◆ Work task ◆
In the listing below, locate the lines bearing the word "make". Copy every one of them.

....................

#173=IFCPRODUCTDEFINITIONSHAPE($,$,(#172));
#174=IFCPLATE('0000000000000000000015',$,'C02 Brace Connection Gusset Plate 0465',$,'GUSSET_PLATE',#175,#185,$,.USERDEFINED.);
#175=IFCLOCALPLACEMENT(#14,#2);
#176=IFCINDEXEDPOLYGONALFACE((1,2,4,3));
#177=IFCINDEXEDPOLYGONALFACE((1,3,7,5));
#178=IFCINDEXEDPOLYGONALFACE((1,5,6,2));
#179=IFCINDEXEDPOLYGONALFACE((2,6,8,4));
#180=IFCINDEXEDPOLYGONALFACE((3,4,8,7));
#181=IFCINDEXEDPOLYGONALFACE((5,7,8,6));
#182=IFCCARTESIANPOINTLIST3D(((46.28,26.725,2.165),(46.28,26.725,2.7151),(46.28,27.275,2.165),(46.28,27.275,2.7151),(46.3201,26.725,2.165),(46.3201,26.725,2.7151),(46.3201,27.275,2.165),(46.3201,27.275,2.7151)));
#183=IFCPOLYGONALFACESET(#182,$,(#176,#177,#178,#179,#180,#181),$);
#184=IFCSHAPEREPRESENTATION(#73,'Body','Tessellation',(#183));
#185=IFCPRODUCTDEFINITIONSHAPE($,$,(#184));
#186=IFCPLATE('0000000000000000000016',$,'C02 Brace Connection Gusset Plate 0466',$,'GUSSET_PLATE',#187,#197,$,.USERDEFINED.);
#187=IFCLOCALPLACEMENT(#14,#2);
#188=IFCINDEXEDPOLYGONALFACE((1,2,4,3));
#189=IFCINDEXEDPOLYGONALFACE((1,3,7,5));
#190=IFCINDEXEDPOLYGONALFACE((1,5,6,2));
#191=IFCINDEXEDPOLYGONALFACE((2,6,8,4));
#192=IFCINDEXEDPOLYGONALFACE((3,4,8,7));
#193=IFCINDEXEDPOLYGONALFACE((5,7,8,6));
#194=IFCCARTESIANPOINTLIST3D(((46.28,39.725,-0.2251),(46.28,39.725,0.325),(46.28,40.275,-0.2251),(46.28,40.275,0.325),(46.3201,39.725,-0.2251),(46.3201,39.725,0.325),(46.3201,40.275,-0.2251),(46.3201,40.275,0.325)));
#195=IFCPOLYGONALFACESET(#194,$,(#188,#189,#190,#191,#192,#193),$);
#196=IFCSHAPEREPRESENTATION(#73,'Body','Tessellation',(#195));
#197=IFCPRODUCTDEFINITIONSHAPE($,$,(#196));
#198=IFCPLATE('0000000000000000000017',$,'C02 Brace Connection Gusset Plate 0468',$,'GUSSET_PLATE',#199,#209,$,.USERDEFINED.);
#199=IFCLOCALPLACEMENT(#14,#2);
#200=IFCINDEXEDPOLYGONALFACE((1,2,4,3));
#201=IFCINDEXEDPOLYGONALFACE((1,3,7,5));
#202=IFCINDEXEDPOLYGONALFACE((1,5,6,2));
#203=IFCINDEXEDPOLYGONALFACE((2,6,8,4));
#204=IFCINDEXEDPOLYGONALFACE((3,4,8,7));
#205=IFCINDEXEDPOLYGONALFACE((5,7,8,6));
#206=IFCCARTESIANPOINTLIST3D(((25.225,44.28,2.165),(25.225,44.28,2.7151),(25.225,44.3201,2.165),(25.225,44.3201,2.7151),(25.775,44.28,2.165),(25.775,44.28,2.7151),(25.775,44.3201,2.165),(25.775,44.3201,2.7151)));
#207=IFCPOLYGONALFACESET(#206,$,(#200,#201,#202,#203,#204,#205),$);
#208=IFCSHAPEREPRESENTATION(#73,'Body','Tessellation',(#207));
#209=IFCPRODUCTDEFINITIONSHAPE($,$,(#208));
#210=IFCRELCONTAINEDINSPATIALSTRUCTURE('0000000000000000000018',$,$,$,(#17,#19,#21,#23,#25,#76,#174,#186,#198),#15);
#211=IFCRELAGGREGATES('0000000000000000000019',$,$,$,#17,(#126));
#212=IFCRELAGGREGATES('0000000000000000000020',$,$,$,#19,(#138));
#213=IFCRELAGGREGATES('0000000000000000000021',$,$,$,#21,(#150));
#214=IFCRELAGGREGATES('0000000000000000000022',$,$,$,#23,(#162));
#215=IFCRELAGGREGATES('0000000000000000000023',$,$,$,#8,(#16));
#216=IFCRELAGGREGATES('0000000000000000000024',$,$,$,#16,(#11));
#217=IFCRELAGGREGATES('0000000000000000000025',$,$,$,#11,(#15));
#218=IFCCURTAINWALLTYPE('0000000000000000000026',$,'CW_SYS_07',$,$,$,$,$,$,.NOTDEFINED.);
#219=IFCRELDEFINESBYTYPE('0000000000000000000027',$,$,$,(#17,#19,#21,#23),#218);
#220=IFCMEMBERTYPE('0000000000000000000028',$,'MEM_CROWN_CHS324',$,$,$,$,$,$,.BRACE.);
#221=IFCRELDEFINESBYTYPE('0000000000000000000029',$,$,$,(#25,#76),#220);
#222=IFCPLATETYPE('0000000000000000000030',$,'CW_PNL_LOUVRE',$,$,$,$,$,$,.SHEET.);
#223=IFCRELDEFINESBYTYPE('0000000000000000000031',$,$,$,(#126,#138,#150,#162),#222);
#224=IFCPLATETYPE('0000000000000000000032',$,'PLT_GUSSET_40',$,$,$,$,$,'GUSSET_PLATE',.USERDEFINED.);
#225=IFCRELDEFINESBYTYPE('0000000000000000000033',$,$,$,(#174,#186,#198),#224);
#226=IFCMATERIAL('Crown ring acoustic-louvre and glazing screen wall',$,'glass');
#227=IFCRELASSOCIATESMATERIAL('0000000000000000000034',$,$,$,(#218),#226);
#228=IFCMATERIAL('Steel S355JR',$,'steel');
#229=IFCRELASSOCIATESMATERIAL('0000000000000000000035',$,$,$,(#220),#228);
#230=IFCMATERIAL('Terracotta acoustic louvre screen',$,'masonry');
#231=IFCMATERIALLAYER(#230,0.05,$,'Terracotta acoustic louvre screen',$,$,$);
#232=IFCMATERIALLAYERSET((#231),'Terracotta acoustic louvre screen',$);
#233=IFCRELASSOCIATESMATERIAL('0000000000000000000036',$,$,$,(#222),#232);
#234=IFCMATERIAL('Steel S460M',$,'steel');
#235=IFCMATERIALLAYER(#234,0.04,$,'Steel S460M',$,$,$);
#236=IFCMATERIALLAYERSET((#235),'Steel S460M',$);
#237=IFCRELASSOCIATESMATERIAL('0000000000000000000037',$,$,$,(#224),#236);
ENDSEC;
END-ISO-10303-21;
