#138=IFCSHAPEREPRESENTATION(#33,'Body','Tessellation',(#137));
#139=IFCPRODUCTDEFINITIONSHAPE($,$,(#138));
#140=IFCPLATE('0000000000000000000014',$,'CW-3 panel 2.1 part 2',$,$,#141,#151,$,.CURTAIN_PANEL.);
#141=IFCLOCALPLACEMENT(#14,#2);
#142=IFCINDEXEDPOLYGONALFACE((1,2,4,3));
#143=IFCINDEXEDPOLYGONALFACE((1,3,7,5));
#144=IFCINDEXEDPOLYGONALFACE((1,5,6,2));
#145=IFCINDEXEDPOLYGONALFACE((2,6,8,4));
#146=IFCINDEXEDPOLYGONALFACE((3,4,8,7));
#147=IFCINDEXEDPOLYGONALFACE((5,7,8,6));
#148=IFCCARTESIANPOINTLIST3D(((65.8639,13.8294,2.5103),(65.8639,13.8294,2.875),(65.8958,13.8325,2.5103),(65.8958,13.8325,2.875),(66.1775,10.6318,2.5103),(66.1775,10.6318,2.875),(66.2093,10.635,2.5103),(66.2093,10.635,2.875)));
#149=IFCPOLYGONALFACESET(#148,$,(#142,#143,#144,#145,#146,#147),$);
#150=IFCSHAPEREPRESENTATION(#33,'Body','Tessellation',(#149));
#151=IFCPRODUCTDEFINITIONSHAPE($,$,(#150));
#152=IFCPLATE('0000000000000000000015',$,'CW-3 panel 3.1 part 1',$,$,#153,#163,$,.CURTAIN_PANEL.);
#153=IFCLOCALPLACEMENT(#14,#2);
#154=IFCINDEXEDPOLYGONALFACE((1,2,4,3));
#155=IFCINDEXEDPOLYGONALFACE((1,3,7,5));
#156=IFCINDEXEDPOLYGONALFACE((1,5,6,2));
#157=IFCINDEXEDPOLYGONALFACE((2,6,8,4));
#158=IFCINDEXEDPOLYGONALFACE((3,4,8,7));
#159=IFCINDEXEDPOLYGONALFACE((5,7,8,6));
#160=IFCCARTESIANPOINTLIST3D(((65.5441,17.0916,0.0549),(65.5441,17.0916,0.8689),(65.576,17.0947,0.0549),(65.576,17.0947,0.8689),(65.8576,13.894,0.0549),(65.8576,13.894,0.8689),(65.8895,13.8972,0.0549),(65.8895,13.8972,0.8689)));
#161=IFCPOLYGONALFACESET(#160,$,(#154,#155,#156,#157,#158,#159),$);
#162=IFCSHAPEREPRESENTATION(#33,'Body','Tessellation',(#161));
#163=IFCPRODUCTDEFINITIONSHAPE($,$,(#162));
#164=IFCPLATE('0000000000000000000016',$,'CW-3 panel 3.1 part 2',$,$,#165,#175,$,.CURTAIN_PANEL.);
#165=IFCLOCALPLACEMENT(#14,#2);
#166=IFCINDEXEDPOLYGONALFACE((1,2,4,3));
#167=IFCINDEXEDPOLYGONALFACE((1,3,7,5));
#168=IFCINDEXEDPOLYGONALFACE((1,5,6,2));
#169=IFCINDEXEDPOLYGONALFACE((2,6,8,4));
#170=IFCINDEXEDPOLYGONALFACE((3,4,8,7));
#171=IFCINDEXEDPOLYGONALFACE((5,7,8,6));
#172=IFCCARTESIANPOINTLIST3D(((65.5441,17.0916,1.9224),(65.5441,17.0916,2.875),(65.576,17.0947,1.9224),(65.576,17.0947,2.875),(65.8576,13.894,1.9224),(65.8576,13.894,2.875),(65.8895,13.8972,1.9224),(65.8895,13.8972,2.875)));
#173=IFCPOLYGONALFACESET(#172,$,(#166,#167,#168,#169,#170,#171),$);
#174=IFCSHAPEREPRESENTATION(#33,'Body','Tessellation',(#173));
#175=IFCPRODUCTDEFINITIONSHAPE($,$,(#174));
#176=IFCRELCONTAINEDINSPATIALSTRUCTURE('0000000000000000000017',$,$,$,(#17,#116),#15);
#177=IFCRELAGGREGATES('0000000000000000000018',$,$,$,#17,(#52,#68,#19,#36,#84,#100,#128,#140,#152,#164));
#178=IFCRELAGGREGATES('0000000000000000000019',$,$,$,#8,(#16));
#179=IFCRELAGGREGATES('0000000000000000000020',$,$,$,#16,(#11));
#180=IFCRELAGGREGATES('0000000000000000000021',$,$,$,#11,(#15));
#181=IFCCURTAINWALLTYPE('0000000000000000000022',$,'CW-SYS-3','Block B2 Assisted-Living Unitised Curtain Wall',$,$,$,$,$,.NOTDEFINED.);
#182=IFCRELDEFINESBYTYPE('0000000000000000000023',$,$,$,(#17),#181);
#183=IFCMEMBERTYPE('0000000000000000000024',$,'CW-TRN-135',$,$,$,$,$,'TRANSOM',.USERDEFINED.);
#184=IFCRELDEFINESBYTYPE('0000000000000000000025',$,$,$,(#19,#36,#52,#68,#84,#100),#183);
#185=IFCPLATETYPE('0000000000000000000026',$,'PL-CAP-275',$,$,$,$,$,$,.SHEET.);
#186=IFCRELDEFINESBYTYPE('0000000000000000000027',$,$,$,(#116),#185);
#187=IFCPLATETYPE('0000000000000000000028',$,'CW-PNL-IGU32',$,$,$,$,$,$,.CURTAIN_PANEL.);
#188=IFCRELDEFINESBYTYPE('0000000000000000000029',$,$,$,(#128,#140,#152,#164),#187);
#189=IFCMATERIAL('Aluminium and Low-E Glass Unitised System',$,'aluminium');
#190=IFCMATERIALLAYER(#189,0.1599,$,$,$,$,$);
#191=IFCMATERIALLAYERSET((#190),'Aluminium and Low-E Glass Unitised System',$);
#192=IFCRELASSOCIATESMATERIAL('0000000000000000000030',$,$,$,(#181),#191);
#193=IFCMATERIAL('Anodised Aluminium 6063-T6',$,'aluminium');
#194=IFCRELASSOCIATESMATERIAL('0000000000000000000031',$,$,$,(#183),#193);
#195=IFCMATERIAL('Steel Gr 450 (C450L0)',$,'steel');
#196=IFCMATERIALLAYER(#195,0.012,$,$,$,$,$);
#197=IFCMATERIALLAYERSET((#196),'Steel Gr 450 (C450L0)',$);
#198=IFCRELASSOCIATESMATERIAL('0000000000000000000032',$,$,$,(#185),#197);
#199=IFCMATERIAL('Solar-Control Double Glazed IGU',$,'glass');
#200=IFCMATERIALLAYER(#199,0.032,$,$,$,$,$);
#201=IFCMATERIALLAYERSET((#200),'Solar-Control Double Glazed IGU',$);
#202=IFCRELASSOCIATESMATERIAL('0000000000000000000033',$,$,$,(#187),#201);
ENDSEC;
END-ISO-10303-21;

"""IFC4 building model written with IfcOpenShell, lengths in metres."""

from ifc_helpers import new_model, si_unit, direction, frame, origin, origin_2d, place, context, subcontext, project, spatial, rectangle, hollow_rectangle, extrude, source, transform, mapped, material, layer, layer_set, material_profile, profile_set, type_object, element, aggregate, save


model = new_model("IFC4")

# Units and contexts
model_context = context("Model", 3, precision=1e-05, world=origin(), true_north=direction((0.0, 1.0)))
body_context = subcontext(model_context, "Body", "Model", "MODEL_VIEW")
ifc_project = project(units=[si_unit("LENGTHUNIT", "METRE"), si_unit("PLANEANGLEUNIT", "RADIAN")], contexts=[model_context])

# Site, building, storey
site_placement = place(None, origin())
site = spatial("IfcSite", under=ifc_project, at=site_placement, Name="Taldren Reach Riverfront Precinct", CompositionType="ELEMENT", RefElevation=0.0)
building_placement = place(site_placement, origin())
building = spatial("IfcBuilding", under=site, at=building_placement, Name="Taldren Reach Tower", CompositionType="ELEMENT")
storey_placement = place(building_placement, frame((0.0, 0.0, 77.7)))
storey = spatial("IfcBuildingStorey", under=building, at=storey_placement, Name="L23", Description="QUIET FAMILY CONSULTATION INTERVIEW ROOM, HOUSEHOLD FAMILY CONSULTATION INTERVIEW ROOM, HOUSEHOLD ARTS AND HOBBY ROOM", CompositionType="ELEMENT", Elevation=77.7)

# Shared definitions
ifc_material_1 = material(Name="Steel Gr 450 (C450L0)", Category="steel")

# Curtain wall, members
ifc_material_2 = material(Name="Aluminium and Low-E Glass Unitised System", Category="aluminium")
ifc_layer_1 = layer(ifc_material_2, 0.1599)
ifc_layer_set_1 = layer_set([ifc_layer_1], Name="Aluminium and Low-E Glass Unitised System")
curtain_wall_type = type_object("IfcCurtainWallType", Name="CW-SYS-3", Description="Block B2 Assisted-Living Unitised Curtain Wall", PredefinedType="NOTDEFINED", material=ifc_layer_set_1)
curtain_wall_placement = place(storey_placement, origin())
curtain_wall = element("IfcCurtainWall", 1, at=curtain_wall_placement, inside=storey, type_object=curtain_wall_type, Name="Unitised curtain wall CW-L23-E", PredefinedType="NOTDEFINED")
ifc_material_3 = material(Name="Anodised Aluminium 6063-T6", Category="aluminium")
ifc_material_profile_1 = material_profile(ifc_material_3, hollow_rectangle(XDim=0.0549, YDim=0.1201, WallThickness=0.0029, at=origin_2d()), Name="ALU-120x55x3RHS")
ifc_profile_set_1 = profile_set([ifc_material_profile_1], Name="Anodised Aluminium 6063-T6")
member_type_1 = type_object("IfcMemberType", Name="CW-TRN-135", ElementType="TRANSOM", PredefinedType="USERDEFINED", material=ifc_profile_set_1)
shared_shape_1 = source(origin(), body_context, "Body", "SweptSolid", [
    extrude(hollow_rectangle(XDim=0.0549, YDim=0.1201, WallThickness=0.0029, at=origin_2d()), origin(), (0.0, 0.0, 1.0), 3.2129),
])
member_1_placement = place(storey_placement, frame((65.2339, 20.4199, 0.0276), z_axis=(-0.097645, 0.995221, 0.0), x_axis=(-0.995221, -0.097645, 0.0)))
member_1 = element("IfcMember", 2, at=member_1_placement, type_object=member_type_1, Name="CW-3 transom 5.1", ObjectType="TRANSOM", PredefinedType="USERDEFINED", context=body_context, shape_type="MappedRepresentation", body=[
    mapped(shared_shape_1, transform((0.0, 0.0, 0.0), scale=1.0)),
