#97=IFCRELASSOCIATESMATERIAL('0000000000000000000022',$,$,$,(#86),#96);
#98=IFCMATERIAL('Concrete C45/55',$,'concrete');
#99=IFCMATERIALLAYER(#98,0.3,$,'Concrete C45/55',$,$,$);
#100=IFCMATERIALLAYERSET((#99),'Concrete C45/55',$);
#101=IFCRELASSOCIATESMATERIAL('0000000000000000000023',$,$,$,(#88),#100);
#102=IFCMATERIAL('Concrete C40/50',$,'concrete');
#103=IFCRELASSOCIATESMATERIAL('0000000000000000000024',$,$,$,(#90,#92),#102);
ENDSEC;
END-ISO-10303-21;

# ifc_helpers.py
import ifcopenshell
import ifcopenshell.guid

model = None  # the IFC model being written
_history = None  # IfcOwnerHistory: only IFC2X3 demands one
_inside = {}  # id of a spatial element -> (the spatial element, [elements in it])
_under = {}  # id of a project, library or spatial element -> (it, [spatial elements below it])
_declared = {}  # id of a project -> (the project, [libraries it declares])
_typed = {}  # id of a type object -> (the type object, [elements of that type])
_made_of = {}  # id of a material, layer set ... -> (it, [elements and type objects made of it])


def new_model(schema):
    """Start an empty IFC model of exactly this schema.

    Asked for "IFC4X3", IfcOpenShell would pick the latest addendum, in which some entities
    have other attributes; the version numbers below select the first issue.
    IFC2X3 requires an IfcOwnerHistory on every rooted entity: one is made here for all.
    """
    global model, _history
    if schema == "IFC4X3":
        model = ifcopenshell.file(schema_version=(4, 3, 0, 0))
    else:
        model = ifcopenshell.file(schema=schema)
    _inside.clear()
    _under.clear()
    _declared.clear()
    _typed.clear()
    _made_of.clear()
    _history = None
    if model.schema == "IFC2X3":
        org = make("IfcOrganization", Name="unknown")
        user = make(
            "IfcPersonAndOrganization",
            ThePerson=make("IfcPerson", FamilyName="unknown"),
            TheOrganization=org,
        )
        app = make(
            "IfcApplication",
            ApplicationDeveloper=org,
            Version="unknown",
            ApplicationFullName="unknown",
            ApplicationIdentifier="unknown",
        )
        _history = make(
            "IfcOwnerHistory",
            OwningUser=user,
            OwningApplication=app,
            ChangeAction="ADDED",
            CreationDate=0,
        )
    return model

....................

◆ Result for this task ◆
        org = make("IfcOrganization", Name="unknown")
        user = make(
            ThePerson=make("IfcPerson", FamilyName="unknown"),
        app = make(
        _history = make(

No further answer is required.